> **EXERCISE**
Report every line from the following entries that contains the string "IFCRELDEFINESBYTYPE".

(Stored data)
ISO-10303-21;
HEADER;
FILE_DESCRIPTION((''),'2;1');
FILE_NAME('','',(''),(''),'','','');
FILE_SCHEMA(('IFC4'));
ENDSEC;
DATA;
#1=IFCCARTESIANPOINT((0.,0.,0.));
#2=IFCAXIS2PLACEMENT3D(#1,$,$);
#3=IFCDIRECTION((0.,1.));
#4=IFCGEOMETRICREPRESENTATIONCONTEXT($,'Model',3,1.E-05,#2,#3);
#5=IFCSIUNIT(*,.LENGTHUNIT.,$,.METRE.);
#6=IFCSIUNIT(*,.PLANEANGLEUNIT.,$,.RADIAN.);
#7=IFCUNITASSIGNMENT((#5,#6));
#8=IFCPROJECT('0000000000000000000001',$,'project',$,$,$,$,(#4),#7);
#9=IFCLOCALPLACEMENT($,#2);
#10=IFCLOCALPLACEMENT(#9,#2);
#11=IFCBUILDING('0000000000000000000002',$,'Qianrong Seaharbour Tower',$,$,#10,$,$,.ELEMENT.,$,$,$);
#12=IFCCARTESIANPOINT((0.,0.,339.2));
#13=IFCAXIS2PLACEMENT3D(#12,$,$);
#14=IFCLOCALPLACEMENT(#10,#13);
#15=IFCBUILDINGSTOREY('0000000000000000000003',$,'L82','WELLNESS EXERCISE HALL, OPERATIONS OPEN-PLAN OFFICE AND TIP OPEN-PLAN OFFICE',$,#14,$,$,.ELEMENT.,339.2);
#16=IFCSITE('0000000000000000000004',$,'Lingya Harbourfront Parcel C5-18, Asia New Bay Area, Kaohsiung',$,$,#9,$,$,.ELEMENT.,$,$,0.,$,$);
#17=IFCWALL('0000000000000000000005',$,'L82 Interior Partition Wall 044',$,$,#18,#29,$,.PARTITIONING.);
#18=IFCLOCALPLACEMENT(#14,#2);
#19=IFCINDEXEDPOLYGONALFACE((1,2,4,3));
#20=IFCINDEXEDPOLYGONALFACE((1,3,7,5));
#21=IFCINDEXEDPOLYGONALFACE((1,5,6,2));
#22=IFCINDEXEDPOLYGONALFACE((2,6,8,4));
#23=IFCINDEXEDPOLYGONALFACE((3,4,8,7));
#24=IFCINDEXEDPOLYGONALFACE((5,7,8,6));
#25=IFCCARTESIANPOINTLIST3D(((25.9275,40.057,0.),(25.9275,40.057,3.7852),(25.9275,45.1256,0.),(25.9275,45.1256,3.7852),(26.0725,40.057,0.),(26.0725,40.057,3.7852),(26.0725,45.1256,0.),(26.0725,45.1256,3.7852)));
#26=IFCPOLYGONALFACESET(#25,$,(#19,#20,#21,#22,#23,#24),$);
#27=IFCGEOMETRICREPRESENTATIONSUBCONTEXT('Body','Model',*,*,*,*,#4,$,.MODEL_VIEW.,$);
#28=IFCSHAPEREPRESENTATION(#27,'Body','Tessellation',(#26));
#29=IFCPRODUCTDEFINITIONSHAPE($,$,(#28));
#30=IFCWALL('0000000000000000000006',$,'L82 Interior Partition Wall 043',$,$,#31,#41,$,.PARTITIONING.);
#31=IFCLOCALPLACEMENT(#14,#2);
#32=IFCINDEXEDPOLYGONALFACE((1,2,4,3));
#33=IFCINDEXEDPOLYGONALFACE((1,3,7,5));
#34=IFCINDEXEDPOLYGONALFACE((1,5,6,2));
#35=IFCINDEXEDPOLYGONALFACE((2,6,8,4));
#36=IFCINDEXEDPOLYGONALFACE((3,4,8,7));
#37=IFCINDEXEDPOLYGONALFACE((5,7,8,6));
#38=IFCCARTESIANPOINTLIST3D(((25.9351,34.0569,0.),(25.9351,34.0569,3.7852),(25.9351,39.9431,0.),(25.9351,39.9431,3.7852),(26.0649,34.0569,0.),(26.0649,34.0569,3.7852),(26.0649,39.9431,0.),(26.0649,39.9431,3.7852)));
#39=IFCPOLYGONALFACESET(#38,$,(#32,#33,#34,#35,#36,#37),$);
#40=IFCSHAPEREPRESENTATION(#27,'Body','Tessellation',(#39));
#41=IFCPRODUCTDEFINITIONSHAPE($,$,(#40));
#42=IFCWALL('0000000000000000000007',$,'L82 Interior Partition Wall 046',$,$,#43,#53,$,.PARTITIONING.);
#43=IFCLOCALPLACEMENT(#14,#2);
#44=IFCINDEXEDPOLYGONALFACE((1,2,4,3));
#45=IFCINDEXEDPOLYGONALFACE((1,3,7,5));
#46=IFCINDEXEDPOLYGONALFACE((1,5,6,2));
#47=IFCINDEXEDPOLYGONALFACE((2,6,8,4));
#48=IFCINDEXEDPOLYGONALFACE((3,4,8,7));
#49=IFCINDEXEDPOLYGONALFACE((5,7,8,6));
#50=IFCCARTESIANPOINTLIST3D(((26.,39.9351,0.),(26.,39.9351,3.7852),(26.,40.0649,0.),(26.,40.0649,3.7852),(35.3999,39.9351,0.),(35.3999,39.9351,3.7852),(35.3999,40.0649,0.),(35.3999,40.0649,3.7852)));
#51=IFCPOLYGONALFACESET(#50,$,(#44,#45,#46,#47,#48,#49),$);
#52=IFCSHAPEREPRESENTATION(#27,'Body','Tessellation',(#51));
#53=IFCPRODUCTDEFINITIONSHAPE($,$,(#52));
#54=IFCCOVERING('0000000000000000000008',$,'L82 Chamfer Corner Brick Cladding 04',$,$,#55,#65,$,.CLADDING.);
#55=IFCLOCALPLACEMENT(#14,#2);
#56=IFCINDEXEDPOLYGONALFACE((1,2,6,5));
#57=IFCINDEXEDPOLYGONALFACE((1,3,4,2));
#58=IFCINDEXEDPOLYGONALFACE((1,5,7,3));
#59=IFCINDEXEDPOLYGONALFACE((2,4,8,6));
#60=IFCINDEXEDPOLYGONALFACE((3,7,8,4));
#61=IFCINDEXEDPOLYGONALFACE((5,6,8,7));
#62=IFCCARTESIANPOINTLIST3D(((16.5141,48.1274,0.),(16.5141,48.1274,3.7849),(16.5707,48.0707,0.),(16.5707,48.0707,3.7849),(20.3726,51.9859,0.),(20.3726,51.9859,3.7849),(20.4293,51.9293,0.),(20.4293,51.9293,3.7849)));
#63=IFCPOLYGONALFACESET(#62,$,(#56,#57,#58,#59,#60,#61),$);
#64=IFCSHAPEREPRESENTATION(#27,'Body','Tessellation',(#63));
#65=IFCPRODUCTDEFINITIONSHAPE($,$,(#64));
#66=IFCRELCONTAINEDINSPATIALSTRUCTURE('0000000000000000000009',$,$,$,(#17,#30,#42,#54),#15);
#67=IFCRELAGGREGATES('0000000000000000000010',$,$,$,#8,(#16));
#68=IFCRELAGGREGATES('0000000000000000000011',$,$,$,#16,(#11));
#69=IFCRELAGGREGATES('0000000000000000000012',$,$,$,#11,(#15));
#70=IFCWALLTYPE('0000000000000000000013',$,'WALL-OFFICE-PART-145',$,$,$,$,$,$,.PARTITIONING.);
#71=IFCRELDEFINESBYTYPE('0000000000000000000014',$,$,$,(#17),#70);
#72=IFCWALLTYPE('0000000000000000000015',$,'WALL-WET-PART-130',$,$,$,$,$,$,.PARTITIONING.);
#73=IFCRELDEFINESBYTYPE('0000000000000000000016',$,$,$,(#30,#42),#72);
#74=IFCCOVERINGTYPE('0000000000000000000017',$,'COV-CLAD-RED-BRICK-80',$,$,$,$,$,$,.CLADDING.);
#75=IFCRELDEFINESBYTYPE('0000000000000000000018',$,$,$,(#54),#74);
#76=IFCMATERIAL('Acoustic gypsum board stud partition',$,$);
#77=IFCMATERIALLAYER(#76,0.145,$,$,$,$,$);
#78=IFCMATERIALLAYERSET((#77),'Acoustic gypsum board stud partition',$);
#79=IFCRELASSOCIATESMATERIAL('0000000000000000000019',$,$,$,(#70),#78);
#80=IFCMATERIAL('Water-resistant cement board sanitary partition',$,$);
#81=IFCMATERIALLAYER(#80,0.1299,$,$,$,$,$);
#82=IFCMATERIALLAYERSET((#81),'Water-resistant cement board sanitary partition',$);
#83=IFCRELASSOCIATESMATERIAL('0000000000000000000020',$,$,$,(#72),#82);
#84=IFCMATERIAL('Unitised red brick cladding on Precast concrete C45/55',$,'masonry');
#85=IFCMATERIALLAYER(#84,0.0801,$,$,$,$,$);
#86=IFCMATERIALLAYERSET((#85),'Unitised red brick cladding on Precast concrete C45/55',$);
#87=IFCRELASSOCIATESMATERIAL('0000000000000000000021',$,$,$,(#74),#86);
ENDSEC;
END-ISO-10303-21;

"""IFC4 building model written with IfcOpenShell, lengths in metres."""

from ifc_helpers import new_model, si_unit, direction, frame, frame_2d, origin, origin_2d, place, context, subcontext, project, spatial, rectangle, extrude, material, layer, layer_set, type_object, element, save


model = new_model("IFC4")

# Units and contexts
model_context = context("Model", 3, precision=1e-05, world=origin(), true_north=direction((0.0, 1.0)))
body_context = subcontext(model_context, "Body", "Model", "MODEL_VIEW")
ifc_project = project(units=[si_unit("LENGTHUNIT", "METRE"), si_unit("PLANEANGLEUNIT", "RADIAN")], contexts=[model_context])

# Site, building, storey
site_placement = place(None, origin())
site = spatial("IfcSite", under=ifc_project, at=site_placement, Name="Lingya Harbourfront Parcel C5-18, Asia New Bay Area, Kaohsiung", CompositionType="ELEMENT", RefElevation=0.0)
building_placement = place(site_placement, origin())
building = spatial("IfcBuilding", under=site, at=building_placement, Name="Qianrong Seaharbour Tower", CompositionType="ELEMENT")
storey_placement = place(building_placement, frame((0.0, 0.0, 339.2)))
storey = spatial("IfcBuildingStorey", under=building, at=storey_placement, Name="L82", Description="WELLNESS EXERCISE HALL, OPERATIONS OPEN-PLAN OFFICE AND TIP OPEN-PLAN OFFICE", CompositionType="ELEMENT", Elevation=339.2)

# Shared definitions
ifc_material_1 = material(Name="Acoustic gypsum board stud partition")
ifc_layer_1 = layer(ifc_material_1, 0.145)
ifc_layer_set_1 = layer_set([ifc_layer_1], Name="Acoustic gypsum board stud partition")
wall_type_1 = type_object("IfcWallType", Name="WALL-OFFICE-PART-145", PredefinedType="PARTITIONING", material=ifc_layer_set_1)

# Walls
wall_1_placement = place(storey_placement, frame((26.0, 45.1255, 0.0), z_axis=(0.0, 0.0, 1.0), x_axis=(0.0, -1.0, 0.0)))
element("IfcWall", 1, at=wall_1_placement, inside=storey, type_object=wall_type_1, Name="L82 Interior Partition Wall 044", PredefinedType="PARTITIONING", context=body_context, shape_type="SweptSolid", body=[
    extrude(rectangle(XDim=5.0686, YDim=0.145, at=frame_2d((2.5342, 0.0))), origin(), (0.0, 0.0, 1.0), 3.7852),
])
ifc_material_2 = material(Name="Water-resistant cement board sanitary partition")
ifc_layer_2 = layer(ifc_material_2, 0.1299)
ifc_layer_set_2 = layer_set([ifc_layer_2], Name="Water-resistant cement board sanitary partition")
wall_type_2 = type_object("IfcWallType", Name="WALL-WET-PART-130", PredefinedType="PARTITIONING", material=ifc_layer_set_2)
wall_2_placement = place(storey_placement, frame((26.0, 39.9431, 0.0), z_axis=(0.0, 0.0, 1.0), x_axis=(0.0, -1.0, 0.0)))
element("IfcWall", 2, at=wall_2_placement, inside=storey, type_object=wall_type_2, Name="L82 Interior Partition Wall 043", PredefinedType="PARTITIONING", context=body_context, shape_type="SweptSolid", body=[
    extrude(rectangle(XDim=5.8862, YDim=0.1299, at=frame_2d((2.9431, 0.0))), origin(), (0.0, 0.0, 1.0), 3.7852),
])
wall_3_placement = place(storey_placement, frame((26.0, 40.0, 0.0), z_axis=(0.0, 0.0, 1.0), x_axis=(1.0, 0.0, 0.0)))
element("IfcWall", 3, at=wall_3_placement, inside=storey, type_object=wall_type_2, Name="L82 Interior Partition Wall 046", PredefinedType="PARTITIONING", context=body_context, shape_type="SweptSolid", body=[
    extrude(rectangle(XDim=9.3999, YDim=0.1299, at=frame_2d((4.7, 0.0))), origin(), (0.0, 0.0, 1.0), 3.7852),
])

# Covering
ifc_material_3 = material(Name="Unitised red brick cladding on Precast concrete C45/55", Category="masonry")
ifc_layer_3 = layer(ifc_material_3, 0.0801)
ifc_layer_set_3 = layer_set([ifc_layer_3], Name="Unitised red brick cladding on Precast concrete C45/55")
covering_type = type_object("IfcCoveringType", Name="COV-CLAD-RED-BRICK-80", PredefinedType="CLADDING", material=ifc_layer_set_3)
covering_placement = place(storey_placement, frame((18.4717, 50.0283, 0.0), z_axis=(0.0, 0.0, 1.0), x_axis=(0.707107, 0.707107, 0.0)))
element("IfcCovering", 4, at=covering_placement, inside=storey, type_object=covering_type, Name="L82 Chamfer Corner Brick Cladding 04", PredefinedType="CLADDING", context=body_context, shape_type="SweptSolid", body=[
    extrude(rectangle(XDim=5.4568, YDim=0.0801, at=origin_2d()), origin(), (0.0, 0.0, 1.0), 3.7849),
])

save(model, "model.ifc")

> **SOLUTION BELOW**
#71=IFCRELDEFINESBYTYPE('0000000000000000000014',$,$,$,(#17),#70);
#73=IFCRELDEFINESBYTYPE('0000000000000000000016',$,$,$,(#30,#42),#72);
#75=IFCRELDEFINESBYTYPE('0000000000000000000018',$,$,$,(#54),#74);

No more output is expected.